### Provided entries

--

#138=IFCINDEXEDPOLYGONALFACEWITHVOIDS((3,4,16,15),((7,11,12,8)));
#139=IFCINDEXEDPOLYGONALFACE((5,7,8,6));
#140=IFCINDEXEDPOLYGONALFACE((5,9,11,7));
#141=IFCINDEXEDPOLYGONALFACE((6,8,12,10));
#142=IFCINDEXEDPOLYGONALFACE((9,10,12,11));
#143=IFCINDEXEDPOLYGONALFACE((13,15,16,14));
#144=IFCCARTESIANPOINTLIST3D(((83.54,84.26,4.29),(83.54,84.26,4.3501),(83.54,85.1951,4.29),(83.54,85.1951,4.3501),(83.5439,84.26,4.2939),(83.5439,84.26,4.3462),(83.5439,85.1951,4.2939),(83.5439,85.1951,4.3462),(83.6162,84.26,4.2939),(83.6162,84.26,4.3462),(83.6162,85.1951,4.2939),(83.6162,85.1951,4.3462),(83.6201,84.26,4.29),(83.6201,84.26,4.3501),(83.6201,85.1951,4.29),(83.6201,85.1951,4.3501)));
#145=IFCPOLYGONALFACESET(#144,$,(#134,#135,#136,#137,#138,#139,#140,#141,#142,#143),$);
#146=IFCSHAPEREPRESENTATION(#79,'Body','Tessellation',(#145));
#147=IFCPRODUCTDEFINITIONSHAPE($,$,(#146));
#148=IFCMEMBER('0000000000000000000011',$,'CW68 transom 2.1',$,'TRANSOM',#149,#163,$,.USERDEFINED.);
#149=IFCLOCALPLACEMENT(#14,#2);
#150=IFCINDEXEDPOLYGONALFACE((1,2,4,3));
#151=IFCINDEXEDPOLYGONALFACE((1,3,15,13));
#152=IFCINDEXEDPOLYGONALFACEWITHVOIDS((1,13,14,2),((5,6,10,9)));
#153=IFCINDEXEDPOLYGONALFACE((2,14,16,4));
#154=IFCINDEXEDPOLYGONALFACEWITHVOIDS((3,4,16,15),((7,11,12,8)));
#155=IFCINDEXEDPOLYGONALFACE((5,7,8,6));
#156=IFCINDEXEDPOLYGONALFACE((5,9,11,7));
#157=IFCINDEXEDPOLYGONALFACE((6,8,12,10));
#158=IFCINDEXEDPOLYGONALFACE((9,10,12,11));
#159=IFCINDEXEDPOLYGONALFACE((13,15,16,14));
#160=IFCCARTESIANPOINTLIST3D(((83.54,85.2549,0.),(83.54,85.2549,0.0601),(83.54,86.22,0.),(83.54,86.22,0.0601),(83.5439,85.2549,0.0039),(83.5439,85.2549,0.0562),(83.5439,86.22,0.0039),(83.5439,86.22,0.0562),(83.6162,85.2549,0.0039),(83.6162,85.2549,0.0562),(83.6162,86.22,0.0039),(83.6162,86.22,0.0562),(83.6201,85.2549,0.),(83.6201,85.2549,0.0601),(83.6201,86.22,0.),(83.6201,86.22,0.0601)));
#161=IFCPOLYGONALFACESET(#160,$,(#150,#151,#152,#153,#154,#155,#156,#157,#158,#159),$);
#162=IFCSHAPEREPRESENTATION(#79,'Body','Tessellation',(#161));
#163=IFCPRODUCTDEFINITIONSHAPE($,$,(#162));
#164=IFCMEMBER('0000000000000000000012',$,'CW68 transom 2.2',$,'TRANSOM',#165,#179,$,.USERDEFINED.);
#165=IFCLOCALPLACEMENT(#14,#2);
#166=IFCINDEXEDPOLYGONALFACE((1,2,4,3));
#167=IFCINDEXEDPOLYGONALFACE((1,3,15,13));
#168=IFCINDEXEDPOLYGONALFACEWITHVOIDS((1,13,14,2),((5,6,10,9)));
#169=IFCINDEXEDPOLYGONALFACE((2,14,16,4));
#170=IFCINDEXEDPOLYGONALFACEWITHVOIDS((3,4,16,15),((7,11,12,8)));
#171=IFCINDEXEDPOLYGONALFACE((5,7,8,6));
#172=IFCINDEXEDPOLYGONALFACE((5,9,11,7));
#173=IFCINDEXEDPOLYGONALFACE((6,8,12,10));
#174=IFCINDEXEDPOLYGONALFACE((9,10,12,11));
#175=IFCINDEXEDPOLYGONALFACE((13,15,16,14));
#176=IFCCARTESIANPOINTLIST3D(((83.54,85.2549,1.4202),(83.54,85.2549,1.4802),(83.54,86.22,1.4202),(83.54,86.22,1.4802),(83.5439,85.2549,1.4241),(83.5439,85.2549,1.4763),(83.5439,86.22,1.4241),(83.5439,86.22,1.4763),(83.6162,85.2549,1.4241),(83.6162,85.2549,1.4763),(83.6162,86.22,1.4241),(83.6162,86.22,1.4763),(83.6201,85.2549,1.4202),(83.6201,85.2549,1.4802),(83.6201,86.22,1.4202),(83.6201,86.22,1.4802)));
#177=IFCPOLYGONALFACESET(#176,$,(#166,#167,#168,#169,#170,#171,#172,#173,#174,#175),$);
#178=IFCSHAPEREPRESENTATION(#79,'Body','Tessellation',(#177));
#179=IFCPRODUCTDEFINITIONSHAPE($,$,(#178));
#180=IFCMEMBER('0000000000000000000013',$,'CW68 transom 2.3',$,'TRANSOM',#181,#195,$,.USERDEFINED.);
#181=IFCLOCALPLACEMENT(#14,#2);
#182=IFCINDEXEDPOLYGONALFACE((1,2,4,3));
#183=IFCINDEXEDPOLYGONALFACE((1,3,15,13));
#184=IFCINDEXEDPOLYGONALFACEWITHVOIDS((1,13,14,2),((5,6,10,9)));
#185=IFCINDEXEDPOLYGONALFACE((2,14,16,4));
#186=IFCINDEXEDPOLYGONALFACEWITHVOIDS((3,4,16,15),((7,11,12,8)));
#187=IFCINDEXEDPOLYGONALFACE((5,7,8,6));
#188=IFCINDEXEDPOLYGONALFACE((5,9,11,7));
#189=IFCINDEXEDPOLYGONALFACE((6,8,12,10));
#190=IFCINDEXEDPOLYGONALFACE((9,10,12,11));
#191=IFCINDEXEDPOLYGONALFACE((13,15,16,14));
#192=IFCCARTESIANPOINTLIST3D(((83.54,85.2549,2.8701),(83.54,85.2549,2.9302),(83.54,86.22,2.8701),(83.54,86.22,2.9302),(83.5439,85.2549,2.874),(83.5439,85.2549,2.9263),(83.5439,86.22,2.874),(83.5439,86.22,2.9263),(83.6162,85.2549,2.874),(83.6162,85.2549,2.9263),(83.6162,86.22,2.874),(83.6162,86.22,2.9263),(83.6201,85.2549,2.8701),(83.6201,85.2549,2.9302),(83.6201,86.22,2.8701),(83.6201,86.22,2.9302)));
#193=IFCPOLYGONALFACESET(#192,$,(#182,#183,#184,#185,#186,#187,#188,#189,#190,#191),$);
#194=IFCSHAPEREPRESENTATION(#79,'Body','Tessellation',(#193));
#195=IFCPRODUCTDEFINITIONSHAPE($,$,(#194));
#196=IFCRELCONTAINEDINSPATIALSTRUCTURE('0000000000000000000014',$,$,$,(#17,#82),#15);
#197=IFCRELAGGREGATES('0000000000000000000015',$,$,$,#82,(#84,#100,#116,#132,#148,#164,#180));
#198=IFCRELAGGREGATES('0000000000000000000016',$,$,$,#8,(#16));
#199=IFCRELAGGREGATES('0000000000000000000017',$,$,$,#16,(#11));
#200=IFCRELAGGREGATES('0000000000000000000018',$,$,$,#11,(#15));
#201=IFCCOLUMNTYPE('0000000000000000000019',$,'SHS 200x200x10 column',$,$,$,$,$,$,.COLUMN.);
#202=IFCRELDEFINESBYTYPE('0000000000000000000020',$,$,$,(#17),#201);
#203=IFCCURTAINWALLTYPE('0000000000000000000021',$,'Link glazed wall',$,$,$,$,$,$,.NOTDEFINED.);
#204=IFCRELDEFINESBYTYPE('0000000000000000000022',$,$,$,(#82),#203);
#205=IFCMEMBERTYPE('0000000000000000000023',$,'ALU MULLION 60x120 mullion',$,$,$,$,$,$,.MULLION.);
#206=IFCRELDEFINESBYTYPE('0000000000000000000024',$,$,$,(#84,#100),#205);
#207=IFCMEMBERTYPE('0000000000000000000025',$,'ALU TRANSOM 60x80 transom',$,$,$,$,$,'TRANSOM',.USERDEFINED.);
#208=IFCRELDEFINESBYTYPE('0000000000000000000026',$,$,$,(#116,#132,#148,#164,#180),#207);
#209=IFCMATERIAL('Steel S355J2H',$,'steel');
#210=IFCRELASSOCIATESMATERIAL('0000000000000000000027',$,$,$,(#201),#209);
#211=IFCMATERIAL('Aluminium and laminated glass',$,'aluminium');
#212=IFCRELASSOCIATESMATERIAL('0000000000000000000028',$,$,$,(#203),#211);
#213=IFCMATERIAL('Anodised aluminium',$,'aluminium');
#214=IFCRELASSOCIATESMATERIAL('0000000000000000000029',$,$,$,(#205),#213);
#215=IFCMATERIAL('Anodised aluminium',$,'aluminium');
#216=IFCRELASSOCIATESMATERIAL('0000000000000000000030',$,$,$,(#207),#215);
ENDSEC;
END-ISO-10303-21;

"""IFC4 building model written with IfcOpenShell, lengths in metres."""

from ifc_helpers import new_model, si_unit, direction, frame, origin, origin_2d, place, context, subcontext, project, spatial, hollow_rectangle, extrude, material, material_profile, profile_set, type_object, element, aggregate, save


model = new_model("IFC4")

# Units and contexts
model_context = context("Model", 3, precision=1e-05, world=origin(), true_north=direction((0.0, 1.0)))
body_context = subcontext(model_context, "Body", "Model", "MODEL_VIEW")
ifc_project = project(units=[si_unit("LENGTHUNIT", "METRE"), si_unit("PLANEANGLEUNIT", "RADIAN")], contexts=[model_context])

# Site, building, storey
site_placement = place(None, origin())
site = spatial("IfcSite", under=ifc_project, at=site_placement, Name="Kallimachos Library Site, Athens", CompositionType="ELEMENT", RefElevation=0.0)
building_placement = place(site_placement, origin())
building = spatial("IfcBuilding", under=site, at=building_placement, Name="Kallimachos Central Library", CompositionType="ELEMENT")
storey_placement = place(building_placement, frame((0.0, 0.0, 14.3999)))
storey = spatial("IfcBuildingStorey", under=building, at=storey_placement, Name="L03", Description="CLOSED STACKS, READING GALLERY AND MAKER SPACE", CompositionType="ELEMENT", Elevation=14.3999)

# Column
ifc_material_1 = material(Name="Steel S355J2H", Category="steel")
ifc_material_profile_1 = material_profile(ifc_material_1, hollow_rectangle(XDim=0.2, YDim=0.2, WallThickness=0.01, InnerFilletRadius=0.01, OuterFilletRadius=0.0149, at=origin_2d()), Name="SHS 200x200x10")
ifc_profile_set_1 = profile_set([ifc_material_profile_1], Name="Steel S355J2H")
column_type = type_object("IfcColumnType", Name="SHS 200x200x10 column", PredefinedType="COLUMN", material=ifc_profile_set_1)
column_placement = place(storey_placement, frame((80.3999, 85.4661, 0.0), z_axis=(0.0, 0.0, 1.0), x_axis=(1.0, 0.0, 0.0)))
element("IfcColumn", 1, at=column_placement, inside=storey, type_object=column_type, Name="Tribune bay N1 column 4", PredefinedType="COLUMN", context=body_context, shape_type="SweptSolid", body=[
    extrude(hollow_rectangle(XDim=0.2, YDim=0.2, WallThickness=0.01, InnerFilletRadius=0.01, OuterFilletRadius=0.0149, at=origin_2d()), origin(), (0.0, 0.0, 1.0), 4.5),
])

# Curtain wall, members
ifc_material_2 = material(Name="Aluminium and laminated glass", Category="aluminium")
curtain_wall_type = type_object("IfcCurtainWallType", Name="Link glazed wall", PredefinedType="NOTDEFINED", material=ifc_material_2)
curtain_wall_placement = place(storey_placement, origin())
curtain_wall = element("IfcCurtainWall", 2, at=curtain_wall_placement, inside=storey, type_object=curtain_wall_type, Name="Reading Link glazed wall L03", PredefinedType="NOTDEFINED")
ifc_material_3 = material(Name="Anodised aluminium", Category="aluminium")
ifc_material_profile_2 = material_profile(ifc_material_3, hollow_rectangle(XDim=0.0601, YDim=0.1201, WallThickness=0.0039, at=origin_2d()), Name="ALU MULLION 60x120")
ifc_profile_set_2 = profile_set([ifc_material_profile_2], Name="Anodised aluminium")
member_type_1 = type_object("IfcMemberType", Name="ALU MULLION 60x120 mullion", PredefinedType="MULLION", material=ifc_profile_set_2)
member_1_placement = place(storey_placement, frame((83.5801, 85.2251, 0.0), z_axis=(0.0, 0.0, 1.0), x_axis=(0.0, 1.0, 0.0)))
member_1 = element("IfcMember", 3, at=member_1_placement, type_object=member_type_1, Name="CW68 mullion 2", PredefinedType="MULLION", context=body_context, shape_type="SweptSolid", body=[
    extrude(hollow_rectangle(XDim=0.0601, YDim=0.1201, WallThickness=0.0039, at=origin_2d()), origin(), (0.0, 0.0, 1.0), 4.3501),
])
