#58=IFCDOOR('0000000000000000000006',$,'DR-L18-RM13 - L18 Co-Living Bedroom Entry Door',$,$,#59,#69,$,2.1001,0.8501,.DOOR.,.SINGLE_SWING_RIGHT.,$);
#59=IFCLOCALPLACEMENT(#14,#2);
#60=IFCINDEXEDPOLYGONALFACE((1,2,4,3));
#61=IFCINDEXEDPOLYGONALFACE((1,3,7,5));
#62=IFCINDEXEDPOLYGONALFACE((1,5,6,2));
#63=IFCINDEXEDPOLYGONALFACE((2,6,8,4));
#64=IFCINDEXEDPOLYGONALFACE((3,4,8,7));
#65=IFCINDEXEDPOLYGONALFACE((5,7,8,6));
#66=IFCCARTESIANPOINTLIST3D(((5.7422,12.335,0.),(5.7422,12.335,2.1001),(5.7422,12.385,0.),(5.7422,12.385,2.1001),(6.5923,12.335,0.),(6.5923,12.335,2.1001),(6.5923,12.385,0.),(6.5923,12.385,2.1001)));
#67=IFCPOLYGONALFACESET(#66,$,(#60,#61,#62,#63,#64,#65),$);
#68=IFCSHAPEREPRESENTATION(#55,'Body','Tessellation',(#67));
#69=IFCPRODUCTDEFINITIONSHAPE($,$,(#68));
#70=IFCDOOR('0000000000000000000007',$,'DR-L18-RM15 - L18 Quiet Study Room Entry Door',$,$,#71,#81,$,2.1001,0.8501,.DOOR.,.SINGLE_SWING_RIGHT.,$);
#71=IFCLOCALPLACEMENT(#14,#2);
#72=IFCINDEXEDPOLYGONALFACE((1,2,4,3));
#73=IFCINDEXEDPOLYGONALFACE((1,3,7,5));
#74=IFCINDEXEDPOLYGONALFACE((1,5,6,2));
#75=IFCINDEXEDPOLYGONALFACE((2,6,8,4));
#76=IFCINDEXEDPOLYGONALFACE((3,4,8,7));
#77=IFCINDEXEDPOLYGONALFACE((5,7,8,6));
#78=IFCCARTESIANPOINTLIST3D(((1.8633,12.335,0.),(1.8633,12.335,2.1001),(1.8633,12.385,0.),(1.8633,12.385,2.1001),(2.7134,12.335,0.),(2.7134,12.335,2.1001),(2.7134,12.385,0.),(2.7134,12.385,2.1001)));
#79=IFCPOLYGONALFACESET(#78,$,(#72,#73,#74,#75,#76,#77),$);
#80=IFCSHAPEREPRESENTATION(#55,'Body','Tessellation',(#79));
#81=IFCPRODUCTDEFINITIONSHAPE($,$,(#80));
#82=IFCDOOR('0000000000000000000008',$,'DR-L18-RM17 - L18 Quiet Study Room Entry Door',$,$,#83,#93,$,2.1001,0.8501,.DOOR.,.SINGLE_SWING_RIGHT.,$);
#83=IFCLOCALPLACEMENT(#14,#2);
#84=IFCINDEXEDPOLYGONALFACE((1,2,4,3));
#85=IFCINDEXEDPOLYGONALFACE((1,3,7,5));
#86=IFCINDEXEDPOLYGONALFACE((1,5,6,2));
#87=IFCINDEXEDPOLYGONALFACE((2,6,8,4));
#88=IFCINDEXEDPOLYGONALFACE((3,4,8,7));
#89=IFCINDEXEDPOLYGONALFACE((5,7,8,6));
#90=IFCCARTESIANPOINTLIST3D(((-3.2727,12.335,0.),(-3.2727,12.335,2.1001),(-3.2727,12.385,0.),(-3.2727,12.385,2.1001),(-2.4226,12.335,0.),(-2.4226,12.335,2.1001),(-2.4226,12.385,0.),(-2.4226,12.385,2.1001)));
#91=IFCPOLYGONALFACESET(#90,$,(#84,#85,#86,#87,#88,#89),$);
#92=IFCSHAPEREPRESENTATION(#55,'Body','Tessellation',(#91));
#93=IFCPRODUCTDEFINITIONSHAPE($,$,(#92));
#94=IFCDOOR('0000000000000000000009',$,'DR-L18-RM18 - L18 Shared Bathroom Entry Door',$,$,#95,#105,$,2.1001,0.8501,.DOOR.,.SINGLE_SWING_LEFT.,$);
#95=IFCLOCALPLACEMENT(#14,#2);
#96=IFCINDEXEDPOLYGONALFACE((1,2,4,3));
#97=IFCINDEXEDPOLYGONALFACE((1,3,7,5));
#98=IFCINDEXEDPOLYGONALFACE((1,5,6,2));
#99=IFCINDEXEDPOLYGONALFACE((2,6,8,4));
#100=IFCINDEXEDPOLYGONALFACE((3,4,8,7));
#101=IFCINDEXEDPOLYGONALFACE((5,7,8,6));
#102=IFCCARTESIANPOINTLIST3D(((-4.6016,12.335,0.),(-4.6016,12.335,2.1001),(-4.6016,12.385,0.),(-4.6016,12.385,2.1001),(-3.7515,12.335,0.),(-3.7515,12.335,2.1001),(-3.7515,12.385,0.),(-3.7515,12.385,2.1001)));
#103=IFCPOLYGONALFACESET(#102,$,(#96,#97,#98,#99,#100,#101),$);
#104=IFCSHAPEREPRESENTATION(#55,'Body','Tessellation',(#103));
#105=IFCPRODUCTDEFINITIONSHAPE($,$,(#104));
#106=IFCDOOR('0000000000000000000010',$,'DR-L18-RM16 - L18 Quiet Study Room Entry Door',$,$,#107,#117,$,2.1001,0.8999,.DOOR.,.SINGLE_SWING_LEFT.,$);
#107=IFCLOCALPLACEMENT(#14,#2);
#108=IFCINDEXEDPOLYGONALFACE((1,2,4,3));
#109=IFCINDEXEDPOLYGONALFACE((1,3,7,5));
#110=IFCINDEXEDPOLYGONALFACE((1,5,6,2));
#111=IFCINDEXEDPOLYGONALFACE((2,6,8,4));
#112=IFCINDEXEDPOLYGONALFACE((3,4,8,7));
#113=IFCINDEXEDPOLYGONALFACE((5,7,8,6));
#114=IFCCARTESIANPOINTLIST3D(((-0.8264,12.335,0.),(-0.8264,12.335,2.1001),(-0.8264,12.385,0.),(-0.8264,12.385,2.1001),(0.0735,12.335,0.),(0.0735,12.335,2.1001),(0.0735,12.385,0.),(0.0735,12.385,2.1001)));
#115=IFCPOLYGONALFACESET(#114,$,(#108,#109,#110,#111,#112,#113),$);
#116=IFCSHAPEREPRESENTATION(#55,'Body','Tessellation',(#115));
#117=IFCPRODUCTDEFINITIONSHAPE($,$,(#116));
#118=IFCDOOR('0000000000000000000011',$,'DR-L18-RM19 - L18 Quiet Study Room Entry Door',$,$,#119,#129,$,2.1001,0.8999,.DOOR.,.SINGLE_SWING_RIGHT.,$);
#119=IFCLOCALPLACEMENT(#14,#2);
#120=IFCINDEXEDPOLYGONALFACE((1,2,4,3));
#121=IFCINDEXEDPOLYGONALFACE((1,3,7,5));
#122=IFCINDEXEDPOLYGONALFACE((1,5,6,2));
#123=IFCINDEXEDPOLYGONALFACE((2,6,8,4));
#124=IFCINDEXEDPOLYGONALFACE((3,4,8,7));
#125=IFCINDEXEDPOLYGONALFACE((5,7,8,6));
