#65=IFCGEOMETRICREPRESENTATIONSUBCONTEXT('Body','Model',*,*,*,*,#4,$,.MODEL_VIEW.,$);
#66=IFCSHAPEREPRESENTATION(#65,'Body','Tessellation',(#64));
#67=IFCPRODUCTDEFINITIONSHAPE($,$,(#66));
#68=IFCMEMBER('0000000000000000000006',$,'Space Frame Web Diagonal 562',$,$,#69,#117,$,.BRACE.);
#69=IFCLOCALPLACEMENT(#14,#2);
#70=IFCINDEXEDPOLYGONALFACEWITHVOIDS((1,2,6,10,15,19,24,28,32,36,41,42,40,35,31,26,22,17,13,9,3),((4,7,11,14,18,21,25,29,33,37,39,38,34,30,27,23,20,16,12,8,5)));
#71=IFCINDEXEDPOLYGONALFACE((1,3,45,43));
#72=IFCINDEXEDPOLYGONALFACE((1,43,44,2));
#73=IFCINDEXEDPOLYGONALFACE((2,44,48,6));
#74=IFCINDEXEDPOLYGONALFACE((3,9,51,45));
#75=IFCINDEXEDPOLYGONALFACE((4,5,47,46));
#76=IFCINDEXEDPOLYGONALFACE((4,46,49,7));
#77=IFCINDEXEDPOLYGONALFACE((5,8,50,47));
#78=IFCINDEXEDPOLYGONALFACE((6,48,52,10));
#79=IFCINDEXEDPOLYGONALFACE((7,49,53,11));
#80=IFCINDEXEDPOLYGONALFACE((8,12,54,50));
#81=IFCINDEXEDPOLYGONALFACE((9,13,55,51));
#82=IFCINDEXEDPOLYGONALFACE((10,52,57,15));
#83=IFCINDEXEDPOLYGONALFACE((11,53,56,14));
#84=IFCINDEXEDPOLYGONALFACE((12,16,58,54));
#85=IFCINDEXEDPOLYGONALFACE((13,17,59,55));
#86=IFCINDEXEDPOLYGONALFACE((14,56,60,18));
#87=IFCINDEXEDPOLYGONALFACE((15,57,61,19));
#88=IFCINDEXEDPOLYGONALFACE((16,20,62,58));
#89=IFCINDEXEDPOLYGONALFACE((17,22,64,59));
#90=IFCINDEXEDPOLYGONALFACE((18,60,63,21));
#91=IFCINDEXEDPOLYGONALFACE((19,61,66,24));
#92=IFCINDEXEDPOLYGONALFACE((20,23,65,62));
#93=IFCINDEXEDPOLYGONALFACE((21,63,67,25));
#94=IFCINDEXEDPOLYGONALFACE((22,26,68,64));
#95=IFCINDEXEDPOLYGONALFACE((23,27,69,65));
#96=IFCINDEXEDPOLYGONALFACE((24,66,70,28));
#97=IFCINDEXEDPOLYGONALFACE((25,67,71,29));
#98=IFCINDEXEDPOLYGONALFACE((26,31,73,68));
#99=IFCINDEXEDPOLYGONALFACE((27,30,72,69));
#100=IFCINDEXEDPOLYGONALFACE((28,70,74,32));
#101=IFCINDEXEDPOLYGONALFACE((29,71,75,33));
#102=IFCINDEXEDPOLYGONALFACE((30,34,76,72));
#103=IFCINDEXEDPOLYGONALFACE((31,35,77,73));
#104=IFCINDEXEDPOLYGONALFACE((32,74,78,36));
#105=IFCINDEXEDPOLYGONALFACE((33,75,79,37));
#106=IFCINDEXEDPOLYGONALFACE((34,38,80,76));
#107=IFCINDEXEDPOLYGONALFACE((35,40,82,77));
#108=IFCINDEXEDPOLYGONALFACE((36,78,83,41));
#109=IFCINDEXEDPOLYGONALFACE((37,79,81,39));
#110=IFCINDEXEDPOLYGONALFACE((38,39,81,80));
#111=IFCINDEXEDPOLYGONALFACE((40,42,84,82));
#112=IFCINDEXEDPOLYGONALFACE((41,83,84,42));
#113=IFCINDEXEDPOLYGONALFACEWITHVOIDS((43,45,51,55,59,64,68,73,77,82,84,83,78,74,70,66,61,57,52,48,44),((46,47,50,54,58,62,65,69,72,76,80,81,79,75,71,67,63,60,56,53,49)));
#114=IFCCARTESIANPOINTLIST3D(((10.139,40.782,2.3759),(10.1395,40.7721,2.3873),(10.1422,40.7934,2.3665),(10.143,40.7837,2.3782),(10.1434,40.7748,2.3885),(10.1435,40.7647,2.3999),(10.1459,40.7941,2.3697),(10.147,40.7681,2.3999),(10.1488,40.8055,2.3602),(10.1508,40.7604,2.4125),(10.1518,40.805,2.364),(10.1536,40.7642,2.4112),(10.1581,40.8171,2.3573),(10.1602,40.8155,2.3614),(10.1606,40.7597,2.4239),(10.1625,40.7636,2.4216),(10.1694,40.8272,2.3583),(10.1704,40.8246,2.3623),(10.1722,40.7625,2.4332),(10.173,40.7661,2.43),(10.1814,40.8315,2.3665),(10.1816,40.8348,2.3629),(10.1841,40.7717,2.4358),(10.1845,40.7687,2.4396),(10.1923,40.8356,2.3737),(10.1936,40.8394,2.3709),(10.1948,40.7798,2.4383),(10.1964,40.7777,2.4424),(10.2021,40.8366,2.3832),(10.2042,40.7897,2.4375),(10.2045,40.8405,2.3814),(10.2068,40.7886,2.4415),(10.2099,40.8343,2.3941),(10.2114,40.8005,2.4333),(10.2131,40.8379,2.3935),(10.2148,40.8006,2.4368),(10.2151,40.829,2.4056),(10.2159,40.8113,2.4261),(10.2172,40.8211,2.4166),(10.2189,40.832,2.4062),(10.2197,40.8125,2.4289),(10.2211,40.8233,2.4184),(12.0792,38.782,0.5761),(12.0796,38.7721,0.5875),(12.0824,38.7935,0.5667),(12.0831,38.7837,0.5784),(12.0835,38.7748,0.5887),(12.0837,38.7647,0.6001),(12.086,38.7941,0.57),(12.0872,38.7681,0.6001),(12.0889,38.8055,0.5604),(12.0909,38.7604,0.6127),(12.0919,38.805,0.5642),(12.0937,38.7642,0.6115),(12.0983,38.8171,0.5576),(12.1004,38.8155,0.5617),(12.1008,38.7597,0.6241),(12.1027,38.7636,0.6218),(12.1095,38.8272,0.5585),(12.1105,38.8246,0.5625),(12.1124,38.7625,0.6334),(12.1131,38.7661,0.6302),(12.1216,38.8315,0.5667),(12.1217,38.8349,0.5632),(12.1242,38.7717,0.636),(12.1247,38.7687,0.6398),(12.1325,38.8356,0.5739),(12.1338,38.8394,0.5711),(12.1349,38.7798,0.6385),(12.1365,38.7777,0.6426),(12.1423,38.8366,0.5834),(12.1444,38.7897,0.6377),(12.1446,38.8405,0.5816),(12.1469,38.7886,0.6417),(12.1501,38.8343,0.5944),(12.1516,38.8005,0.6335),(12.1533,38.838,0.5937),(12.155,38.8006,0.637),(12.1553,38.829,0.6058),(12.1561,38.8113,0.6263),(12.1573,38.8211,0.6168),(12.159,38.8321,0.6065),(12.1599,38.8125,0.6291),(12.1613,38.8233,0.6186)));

--

### Task item
Output the material above exactly, but only from the line that carries "#76=IFCINDEXEDPOLYGONALFACE((4,46,49,7));" through the line that carries "#91=IFCINDEXEDPOLYGONALFACE((19,61,66,24));".

### Solution to the problem
#76=IFCINDEXEDPOLYGONALFACE((4,46,49,7));
#77=IFCINDEXEDPOLYGONALFACE((5,8,50,47));
#78=IFCINDEXEDPOLYGONALFACE((6,48,52,10));
#79=IFCINDEXEDPOLYGONALFACE((7,49,53,11));
#80=IFCINDEXEDPOLYGONALFACE((8,12,54,50));
#81=IFCINDEXEDPOLYGONALFACE((9,13,55,51));
#82=IFCINDEXEDPOLYGONALFACE((10,52,57,15));
#83=IFCINDEXEDPOLYGONALFACE((11,53,56,14));
#84=IFCINDEXEDPOLYGONALFACE((12,16,58,54));
#85=IFCINDEXEDPOLYGONALFACE((13,17,59,55));
#86=IFCINDEXEDPOLYGONALFACE((14,56,60,18));
#87=IFCINDEXEDPOLYGONALFACE((15,57,61,19));
#88=IFCINDEXEDPOLYGONALFACE((16,20,62,58));
#89=IFCINDEXEDPOLYGONALFACE((17,22,64,59));
#90=IFCINDEXEDPOLYGONALFACE((18,60,63,21));
#91=IFCINDEXEDPOLYGONALFACE((19,61,66,24));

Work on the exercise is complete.